-- Opening Marker --

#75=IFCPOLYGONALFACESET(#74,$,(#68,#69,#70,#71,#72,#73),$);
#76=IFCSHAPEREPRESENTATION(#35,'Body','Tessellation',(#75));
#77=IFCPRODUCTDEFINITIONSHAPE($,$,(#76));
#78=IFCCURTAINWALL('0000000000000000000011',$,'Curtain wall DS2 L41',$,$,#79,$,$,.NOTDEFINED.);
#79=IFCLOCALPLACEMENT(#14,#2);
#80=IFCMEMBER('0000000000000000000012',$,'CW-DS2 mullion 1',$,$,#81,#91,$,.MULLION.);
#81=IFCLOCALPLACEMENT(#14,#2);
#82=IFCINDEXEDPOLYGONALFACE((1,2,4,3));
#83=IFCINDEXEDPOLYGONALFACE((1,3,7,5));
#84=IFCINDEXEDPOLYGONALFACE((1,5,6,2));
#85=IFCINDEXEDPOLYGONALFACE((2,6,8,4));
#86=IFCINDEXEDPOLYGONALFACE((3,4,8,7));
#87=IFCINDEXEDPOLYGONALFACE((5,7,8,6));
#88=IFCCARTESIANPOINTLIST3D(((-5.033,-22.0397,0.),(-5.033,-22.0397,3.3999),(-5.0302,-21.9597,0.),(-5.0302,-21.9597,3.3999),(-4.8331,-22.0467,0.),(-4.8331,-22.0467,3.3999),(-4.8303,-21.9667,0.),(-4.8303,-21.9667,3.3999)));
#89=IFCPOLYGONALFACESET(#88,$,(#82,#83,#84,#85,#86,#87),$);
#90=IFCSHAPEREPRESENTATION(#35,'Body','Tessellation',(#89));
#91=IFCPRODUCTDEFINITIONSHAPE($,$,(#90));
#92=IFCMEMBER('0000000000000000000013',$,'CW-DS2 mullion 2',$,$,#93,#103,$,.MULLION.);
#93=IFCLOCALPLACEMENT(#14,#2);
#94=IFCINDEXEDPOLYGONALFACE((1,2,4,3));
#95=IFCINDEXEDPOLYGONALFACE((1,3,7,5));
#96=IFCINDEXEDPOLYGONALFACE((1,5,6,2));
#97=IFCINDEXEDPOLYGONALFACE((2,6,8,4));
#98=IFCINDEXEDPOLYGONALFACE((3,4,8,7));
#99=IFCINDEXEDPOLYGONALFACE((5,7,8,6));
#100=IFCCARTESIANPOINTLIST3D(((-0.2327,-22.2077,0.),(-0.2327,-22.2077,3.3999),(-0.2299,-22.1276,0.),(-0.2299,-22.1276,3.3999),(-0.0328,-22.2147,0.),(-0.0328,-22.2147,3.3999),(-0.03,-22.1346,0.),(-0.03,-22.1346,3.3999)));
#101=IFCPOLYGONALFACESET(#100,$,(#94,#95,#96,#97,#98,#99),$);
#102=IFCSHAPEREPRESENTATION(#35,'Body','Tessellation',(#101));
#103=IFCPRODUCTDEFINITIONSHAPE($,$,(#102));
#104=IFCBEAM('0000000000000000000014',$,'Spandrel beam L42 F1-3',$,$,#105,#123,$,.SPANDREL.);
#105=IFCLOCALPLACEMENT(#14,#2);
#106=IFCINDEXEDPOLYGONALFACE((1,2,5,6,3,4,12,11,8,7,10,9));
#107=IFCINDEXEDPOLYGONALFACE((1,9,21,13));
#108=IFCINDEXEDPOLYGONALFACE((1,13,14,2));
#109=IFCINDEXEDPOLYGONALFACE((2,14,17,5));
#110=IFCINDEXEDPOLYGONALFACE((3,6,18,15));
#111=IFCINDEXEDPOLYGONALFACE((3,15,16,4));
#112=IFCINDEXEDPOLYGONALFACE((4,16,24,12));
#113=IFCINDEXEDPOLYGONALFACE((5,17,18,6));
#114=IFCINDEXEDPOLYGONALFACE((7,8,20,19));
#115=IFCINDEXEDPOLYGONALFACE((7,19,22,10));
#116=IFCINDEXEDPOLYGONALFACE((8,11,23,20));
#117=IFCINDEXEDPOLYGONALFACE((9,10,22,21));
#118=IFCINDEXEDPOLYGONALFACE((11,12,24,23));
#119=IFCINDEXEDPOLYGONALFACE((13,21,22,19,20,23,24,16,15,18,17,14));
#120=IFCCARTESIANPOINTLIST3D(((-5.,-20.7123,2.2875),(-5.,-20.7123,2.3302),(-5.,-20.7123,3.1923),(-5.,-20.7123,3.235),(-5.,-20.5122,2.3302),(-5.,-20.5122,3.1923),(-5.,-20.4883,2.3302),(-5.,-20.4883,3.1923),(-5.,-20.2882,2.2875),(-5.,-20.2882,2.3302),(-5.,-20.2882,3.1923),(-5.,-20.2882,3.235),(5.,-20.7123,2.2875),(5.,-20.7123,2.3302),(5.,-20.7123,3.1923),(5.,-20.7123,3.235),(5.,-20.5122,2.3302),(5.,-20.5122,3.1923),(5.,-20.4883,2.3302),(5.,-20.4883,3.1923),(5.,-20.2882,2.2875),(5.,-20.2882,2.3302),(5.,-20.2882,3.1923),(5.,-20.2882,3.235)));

-- Closing Marker --

# WHAT YOU NEED TO DO:
Your answer should be the lines above, from the line containing "#93=IFCLOCALPLACEMENT(#14,#2);" up to and including the line containing "#106=IFCINDEXEDPOLYGONALFACE((1,2,5,6,3,4,12,11,8,7,10,9));", reproduced exactly and with nothing else.

# FINISHED TASK:
#93=IFCLOCALPLACEMENT(#14,#2);
#94=IFCINDEXEDPOLYGONALFACE((1,2,4,3));
#95=IFCINDEXEDPOLYGONALFACE((1,3,7,5));
#96=IFCINDEXEDPOLYGONALFACE((1,5,6,2));
#97=IFCINDEXEDPOLYGONALFACE((2,6,8,4));
#98=IFCINDEXEDPOLYGONALFACE((3,4,8,7));
#99=IFCINDEXEDPOLYGONALFACE((5,7,8,6));
#100=IFCCARTESIANPOINTLIST3D(((-0.2327,-22.2077,0.),(-0.2327,-22.2077,3.3999),(-0.2299,-22.1276,0.),(-0.2299,-22.1276,3.3999),(-0.0328,-22.2147,0.),(-0.0328,-22.2147,3.3999),(-0.03,-22.1346,0.),(-0.03,-22.1346,3.3999)));
#101=IFCPOLYGONALFACESET(#100,$,(#94,#95,#96,#97,#98,#99),$);
#102=IFCSHAPEREPRESENTATION(#35,'Body','Tessellation',(#101));
#103=IFCPRODUCTDEFINITIONSHAPE($,$,(#102));
#104=IFCBEAM('0000000000000000000014',$,'Spandrel beam L42 F1-3',$,$,#105,#123,$,.SPANDREL.);
#105=IFCLOCALPLACEMENT(#14,#2);
#106=IFCINDEXEDPOLYGONALFACE((1,2,5,6,3,4,12,11,8,7,10,9));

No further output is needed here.